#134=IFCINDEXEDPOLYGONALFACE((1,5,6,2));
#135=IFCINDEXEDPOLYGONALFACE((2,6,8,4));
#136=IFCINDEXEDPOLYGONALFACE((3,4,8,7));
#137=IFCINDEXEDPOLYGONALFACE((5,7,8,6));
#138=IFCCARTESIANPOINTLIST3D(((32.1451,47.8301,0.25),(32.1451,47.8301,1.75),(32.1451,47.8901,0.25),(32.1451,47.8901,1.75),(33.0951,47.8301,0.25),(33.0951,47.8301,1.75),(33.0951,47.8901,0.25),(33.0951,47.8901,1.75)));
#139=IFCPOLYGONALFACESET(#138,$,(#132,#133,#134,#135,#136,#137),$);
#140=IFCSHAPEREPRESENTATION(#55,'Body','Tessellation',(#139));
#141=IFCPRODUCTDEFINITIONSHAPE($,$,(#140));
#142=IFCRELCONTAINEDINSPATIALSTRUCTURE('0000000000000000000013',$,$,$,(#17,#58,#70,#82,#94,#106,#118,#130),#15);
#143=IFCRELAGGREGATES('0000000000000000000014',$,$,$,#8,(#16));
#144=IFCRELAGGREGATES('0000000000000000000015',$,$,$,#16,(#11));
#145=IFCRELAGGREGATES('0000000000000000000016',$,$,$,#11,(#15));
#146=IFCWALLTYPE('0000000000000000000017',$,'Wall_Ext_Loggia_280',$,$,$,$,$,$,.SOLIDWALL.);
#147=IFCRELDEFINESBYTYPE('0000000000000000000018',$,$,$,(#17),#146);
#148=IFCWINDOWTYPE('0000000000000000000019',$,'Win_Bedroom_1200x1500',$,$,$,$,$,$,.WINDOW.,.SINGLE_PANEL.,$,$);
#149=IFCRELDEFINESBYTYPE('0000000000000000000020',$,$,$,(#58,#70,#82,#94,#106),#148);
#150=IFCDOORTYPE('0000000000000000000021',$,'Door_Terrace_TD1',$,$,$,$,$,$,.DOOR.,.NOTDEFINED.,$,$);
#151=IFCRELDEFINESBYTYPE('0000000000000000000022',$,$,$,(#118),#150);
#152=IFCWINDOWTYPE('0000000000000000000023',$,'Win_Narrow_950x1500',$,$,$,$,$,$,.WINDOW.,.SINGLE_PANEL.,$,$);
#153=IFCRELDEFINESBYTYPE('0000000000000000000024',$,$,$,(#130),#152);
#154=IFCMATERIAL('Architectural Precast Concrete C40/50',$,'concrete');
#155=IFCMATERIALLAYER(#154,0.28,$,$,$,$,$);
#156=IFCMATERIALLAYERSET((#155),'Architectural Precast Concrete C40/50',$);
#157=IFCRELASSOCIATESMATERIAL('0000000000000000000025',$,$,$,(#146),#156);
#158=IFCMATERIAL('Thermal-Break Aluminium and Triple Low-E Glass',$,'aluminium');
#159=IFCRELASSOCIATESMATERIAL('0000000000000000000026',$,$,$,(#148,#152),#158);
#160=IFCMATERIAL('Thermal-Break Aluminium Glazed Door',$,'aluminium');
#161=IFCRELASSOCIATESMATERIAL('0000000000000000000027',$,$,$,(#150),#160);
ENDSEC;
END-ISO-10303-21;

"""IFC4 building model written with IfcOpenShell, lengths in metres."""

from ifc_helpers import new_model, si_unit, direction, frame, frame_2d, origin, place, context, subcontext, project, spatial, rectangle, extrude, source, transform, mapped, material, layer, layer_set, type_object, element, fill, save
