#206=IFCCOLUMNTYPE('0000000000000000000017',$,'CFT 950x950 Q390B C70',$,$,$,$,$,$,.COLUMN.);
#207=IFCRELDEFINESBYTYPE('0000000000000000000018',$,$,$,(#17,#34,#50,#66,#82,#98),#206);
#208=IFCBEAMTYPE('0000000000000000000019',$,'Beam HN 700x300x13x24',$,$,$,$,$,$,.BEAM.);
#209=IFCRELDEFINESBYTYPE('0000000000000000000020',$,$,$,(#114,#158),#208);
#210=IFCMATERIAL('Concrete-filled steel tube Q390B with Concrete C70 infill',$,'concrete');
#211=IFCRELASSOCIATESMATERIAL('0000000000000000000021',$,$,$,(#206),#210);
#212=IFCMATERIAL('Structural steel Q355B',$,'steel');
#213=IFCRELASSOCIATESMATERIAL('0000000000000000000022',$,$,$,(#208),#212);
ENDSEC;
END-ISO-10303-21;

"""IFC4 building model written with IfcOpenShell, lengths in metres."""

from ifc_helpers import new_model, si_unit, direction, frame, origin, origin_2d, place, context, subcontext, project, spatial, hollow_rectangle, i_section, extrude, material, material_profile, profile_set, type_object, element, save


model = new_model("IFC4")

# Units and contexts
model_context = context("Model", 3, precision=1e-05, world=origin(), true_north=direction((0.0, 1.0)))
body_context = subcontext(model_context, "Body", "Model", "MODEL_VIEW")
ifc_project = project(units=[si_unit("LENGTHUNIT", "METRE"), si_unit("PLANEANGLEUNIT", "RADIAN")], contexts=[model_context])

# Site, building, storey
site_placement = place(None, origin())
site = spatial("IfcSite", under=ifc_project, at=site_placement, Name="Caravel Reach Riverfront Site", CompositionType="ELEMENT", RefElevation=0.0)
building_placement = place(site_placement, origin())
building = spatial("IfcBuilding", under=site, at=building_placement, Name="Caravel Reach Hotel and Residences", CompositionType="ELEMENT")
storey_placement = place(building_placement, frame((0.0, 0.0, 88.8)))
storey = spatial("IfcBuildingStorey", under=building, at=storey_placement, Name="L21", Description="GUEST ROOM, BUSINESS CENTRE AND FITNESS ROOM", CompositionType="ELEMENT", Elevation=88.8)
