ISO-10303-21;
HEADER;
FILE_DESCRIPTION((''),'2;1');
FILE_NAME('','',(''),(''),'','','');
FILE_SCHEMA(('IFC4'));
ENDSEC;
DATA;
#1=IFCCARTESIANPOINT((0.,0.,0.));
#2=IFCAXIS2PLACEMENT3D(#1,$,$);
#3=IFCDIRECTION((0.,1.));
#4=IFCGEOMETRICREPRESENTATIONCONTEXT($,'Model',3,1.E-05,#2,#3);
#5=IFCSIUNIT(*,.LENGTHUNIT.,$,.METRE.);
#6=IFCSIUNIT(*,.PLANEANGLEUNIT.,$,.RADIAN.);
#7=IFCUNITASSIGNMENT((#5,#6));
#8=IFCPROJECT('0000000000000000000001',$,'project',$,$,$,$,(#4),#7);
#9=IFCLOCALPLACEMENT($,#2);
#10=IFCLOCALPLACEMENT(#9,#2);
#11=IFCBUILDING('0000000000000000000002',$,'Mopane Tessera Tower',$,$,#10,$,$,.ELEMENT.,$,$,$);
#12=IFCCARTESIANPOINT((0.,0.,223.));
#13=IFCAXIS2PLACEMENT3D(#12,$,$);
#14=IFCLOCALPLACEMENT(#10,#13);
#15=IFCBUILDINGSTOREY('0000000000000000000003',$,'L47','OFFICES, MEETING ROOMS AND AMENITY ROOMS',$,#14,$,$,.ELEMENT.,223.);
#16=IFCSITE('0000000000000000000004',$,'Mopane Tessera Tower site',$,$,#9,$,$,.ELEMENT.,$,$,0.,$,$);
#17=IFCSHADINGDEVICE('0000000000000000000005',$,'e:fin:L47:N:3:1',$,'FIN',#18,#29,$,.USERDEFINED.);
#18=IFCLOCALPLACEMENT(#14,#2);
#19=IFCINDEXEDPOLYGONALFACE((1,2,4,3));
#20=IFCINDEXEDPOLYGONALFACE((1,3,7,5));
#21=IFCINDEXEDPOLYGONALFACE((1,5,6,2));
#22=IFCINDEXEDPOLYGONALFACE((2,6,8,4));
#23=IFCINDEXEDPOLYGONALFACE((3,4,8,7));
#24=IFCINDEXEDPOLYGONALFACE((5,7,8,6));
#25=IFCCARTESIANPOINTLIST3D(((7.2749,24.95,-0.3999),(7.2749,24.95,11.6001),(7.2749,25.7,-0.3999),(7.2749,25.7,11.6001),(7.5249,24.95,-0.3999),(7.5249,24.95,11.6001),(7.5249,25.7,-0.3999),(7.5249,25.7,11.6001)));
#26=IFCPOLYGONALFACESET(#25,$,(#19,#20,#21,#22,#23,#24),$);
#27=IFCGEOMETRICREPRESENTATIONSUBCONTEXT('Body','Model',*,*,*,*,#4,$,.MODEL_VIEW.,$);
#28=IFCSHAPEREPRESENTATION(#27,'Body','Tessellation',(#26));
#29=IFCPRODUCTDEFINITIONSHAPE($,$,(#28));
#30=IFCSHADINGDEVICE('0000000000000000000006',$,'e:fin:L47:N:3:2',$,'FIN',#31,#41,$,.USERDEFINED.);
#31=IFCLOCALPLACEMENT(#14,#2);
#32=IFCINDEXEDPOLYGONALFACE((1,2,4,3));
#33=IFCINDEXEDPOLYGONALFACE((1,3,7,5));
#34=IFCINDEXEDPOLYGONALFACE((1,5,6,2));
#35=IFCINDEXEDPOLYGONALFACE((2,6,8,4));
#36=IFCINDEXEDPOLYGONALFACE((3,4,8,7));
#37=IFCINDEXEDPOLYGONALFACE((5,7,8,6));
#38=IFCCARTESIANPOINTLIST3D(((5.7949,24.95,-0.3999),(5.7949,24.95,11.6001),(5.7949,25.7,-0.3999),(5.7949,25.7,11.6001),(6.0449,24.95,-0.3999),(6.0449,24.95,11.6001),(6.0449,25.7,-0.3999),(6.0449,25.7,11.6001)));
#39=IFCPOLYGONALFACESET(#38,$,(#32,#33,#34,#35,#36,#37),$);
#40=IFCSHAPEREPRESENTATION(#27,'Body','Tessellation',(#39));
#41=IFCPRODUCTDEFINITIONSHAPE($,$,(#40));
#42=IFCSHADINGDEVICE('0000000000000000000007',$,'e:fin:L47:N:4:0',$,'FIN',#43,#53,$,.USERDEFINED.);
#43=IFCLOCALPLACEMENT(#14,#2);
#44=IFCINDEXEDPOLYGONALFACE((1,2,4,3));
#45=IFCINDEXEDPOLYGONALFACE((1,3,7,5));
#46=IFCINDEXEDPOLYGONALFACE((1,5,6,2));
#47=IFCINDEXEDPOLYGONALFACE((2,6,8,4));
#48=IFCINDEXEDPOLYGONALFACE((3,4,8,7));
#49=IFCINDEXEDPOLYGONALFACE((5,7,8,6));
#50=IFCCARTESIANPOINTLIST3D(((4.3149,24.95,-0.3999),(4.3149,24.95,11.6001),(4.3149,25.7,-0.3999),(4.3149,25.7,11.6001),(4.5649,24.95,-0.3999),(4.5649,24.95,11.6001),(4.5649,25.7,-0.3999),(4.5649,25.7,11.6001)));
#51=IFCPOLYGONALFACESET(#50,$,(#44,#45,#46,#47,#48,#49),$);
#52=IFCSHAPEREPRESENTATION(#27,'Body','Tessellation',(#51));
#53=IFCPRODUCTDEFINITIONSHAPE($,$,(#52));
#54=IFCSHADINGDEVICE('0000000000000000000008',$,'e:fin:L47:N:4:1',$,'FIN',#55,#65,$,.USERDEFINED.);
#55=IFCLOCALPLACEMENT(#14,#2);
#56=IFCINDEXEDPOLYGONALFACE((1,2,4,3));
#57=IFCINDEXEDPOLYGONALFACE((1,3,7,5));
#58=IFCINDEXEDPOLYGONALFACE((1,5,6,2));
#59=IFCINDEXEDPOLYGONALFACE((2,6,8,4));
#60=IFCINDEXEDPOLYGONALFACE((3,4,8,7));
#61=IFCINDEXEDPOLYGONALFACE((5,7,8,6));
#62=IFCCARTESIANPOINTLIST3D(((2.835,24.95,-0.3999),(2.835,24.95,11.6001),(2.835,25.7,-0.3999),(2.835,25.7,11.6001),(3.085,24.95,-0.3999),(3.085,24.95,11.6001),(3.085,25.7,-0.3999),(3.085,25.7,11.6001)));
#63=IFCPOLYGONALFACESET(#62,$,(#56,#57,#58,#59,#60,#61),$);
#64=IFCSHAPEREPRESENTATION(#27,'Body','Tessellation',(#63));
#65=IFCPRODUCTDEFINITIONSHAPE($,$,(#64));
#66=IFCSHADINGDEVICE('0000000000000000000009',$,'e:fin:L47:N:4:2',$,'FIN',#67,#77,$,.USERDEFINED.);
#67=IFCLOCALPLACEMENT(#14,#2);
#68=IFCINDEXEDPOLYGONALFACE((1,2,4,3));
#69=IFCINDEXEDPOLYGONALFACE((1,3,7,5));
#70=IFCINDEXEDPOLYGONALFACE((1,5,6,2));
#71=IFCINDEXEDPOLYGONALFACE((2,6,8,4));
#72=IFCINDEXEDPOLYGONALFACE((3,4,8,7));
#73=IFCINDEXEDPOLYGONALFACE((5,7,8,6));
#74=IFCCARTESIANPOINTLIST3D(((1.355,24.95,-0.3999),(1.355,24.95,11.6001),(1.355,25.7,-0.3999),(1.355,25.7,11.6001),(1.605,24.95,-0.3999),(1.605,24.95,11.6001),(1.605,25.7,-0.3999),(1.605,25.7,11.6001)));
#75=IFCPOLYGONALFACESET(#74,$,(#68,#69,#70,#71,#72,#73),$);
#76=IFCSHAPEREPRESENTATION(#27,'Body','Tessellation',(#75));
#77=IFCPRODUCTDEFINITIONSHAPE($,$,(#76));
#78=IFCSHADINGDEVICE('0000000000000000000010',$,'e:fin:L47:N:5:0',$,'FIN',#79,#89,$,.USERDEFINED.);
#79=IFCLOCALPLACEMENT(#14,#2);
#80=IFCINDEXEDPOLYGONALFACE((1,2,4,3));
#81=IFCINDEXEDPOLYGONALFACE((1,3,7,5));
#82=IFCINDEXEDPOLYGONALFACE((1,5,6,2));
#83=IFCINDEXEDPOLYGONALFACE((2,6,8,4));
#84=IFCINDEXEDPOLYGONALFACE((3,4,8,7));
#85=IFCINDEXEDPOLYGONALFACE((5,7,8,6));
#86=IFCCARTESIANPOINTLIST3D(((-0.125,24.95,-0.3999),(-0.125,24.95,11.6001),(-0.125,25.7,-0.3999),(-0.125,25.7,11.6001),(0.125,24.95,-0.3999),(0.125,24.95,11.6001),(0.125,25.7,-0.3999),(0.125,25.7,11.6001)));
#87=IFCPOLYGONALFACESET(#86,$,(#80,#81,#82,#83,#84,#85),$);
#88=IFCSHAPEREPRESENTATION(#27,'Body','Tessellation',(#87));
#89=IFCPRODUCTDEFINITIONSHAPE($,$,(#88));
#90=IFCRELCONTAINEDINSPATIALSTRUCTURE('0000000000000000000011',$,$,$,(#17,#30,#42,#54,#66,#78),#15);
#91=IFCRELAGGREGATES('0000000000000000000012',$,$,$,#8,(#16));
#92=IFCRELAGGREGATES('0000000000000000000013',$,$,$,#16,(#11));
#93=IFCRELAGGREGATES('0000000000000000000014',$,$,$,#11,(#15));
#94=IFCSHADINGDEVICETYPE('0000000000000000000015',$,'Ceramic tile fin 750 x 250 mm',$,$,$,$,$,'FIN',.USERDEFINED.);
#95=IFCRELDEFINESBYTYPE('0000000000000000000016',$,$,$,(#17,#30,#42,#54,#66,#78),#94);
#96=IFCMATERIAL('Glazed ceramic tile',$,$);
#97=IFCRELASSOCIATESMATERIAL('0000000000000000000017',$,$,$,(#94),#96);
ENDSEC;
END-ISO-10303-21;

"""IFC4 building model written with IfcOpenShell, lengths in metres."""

from ifc_helpers import new_model, si_unit, direction, frame, origin, origin_2d, place, context, subcontext, project, spatial, rectangle, extrude, material, type_object, element, save


model = new_model("IFC4")

# Units and contexts
model_context = context("Model", 3, precision=1e-05, world=origin(), true_north=direction((0.0, 1.0)))
body_context = subcontext(model_context, "Body", "Model", "MODEL_VIEW")
ifc_project = project(units=[si_unit("LENGTHUNIT", "METRE"), si_unit("PLANEANGLEUNIT", "RADIAN")], contexts=[model_context])

# Site, building, storey
site_placement = place(None, origin())
site = spatial("IfcSite", under=ifc_project, at=site_placement, Name="Mopane Tessera Tower site", CompositionType="ELEMENT", RefElevation=0.0)
building_placement = place(site_placement, origin())
building = spatial("IfcBuilding", under=site, at=building_placement, Name="Mopane Tessera Tower", CompositionType="ELEMENT")
storey_placement = place(building_placement, frame((0.0, 0.0, 223.0)))
storey = spatial("IfcBuildingStorey", under=building, at=storey_placement, Name="L47", Description="OFFICES, MEETING ROOMS AND AMENITY ROOMS", CompositionType="ELEMENT", Elevation=223.0)

# Shading devices
ifc_material_1 = material(Name="Glazed ceramic tile")
shading_device_type = type_object("IfcShadingDeviceType", Name="Ceramic tile fin 750 x 250 mm", ElementType="FIN", PredefinedType="USERDEFINED", material=ifc_material_1)
for number, where, z_axis, x_axis, name in (
    (1, (7.3999, 25.325, -0.3999), (0.0, 0.0, 1.0), (-1.0, 0.0, 0.0), "e:fin:L47:N:3:1"),
    (2, (5.9199, 25.325, -0.3999), (0.0, 0.0, 1.0), (-1.0, 0.0, 0.0), "e:fin:L47:N:3:2"),
    (3, (4.4399, 25.325, -0.3999), (0.0, 0.0, 1.0), (-1.0, 0.0, 0.0), "e:fin:L47:N:4:0"),
    (4, (2.96, 25.325, -0.3999), (0.0, 0.0, 1.0), (-1.0, 0.0, 0.0), "e:fin:L47:N:4:1"),
    (5, (1.48, 25.325, -0.3999), (0.0, 0.0, 1.0), (-1.0, 0.0, 0.0), "e:fin:L47:N:4:2"),
    (6, (0.0, 25.325, -0.3999), (0.0, 0.0, 1.0), (-1.0, 0.0, 0.0), "e:fin:L47:N:5:0"),
):
    element("IfcShadingDevice", number, at=place(storey_placement, frame(where, z_axis=z_axis, x_axis=x_axis)), inside=storey, type_object=shading_device_type, Name=name, ObjectType="FIN", PredefinedType="USERDEFINED", context=body_context, shape_type="SweptSolid", body=[
        extrude(rectangle(XDim=0.25, YDim=0.75, at=origin_2d()), origin(), (0.0, 0.0, 1.0), 12.0),
    ])

save(model, "model.ifc")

■ ■ ■

## PROBLEM TO SOLVE
Each line of the listing above that includes the word "Concrete" is to be counted, and only the total reported.

## EXERCISE SOLUTION
3